» **EXERCISE AIM**: Find the line with "#205=IFCMATERIAL('Concrete C60/75',$,'concrete');" in the records below. Copy it and every line after it, up to and including the line with "#210=IFCMATERIALLAYERSET((#209),'Concrete C40/50',$);".

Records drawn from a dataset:
========

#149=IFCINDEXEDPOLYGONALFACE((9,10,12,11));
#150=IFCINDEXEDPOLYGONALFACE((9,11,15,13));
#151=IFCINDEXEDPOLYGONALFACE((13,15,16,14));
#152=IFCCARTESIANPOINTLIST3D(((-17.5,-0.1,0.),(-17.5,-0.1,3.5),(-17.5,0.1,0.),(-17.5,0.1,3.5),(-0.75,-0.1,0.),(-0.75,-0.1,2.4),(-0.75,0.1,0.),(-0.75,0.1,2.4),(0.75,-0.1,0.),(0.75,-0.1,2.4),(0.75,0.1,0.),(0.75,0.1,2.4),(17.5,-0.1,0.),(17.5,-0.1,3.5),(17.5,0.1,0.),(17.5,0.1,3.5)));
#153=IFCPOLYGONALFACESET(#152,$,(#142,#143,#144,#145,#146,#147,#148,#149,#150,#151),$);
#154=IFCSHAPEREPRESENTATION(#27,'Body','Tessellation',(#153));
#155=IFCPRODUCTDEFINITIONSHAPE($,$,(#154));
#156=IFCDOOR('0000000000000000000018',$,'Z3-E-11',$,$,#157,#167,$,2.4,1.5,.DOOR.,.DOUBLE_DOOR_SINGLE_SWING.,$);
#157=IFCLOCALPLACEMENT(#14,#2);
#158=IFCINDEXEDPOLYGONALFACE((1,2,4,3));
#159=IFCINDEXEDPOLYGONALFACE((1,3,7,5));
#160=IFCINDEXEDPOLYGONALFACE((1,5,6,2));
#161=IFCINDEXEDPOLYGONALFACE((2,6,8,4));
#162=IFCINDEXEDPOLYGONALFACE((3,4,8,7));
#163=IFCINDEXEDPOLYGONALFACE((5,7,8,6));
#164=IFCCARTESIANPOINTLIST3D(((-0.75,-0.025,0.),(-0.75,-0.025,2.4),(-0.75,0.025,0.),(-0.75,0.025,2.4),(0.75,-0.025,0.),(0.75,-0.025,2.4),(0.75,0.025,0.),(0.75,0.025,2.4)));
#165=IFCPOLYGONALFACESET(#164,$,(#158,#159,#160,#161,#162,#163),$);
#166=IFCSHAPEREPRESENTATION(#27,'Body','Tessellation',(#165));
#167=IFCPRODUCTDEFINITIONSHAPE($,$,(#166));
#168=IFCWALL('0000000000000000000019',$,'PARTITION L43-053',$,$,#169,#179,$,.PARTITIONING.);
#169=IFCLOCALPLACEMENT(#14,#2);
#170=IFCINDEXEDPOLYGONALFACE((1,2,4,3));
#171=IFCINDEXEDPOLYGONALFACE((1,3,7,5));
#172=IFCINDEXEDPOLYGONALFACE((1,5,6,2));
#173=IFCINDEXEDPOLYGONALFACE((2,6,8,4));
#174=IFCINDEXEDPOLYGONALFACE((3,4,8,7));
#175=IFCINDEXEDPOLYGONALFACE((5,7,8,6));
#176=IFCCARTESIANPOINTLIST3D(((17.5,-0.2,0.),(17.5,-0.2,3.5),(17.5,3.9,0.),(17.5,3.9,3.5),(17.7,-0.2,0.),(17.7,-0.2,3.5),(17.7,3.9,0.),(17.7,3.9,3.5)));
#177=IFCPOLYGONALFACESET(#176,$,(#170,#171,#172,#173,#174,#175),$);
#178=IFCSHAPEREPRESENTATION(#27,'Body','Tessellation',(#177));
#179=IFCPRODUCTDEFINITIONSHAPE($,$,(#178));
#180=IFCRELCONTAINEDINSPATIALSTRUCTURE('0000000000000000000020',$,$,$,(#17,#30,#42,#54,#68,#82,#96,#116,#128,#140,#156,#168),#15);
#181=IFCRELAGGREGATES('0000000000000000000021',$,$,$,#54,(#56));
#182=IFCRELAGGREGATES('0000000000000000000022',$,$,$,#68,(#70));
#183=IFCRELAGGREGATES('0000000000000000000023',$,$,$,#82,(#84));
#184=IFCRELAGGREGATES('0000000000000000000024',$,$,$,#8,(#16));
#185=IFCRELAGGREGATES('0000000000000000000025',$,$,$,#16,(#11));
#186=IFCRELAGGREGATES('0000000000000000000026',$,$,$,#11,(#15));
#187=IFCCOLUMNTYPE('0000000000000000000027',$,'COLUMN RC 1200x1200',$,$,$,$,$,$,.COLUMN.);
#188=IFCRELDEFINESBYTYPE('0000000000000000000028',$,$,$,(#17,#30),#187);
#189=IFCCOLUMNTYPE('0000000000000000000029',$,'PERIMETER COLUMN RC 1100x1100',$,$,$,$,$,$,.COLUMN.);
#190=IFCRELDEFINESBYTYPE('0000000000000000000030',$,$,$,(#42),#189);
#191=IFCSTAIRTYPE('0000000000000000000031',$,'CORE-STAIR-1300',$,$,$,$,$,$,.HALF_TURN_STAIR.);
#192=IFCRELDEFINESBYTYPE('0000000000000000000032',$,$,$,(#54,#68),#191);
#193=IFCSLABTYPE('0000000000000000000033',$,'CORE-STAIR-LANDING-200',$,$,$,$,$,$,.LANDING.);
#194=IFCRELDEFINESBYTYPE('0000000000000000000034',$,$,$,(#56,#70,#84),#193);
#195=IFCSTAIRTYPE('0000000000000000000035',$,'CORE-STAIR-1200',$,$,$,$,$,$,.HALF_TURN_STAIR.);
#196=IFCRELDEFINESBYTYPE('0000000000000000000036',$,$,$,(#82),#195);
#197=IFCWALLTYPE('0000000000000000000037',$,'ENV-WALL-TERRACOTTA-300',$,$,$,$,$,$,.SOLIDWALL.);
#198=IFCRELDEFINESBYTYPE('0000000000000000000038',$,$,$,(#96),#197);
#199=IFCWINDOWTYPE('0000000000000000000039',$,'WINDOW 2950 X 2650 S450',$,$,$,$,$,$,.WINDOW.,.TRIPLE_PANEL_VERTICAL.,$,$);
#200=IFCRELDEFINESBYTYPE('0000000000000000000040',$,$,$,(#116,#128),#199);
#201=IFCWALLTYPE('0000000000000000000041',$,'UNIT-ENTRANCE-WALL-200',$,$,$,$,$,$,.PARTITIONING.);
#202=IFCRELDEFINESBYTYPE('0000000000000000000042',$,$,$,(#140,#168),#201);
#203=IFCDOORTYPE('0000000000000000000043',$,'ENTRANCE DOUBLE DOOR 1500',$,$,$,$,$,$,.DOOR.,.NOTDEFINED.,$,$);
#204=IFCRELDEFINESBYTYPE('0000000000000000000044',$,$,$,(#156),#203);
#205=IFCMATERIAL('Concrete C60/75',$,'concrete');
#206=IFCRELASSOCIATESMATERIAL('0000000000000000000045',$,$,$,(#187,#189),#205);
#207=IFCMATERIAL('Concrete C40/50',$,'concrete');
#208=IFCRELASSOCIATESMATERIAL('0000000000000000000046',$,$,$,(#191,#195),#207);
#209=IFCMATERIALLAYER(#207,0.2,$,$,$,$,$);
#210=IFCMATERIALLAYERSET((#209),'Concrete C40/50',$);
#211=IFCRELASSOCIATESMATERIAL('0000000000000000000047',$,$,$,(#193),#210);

========

» **EXERCISE ANSWER**:
#205=IFCMATERIAL('Concrete C60/75',$,'concrete');
#206=IFCRELASSOCIATESMATERIAL('0000000000000000000045',$,$,$,(#187,#189),#205);
#207=IFCMATERIAL('Concrete C40/50',$,'concrete');
#208=IFCRELASSOCIATESMATERIAL('0000000000000000000046',$,$,$,(#191,#195),#207);
#209=IFCMATERIALLAYER(#207,0.2,$,$,$,$,$);
#210=IFCMATERIALLAYERSET((#209),'Concrete C40/50',$);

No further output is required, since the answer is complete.